## What is required
Going down the data below, set down exactly the line with "#196=IFCSHAPEREPRESENTATION(#35,'Body','Tessellation',(#195));" and each line after it through the line with "#200=IFCRELAGGREGATES('0000000000000000000017',$,$,$,#16,(#11));"; no other lines.

++++++++++++++++++++

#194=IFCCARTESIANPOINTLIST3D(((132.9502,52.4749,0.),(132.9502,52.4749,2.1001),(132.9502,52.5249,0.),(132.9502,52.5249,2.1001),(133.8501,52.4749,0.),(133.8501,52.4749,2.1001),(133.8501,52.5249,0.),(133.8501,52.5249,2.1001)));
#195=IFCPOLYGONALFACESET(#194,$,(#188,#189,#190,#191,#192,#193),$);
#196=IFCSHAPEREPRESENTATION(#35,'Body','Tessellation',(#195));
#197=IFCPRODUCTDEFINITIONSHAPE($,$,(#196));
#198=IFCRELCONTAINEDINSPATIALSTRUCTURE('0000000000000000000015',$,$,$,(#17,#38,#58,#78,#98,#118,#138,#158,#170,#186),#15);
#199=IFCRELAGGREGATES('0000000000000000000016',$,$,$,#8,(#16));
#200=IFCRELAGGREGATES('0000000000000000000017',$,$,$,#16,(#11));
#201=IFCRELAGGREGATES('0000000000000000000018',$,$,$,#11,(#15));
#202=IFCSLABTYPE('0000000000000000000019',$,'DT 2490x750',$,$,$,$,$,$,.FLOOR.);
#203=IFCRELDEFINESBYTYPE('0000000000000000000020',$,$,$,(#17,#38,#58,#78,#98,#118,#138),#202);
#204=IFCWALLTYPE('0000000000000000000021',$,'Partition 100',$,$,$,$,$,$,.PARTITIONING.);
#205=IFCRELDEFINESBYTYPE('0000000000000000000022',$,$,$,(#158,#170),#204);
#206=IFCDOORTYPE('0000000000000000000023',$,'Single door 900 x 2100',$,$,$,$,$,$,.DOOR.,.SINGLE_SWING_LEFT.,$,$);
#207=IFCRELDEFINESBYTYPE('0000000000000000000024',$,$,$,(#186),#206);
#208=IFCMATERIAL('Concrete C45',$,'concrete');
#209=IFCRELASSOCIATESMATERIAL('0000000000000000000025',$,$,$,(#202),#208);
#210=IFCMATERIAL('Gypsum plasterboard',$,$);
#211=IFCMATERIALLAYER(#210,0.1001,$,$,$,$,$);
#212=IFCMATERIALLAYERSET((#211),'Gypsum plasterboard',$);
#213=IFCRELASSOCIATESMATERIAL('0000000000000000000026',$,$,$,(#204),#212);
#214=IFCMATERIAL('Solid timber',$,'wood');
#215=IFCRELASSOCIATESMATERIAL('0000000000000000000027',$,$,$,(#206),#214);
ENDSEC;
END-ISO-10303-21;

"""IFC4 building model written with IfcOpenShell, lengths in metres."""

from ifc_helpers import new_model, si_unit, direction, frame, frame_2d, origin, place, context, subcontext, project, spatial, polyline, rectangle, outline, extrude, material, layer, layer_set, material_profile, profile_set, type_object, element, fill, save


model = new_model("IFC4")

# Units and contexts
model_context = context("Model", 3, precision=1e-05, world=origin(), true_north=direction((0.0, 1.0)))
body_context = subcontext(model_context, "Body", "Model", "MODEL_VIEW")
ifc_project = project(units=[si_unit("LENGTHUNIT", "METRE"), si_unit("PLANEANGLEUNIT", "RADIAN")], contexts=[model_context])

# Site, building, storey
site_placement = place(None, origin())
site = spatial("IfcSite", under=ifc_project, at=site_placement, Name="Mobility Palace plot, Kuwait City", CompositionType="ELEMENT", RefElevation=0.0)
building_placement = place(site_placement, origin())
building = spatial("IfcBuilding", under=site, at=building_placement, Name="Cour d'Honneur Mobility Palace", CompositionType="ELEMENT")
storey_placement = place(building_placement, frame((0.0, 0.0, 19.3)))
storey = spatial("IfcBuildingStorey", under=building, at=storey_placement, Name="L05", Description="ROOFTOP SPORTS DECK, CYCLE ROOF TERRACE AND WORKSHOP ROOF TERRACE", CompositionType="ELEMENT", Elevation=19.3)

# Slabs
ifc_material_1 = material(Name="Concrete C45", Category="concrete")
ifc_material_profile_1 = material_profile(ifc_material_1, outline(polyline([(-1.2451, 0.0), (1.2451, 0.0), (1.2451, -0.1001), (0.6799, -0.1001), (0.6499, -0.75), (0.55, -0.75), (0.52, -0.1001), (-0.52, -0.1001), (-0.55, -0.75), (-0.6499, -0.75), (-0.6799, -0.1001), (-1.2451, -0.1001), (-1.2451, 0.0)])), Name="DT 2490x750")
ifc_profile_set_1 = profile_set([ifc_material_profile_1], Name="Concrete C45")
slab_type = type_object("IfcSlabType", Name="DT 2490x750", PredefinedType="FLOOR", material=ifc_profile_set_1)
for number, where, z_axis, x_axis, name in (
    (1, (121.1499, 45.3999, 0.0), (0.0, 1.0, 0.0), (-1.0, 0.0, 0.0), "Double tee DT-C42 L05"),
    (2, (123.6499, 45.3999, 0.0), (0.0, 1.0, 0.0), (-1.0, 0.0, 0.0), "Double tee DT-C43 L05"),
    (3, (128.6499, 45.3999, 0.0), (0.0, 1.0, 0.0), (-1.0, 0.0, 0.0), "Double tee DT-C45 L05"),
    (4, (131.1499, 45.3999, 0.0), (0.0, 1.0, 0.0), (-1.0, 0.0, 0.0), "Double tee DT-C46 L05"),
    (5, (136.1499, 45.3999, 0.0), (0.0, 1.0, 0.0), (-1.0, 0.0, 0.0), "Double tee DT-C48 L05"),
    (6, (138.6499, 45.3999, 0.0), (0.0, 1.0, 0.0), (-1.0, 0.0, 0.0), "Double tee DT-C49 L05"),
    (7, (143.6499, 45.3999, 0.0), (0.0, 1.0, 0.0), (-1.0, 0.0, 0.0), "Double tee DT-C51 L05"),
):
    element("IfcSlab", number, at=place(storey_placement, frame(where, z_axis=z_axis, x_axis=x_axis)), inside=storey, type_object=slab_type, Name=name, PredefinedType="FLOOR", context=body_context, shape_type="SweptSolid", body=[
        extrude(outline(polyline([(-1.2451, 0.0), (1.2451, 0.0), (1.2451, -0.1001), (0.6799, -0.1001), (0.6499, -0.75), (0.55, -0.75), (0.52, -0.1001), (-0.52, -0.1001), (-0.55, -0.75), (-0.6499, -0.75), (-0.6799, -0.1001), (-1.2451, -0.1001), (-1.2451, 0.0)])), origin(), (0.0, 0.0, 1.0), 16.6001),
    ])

++++++++++++++++++++

## Result of this exercise
#196=IFCSHAPEREPRESENTATION(#35,'Body','Tessellation',(#195));
#197=IFCPRODUCTDEFINITIONSHAPE($,$,(#196));
#198=IFCRELCONTAINEDINSPATIALSTRUCTURE('0000000000000000000015',$,$,$,(#17,#38,#58,#78,#98,#118,#138,#158,#170,#186),#15);
#199=IFCRELAGGREGATES('0000000000000000000016',$,$,$,#8,(#16));
#200=IFCRELAGGREGATES('0000000000000000000017',$,$,$,#16,(#11));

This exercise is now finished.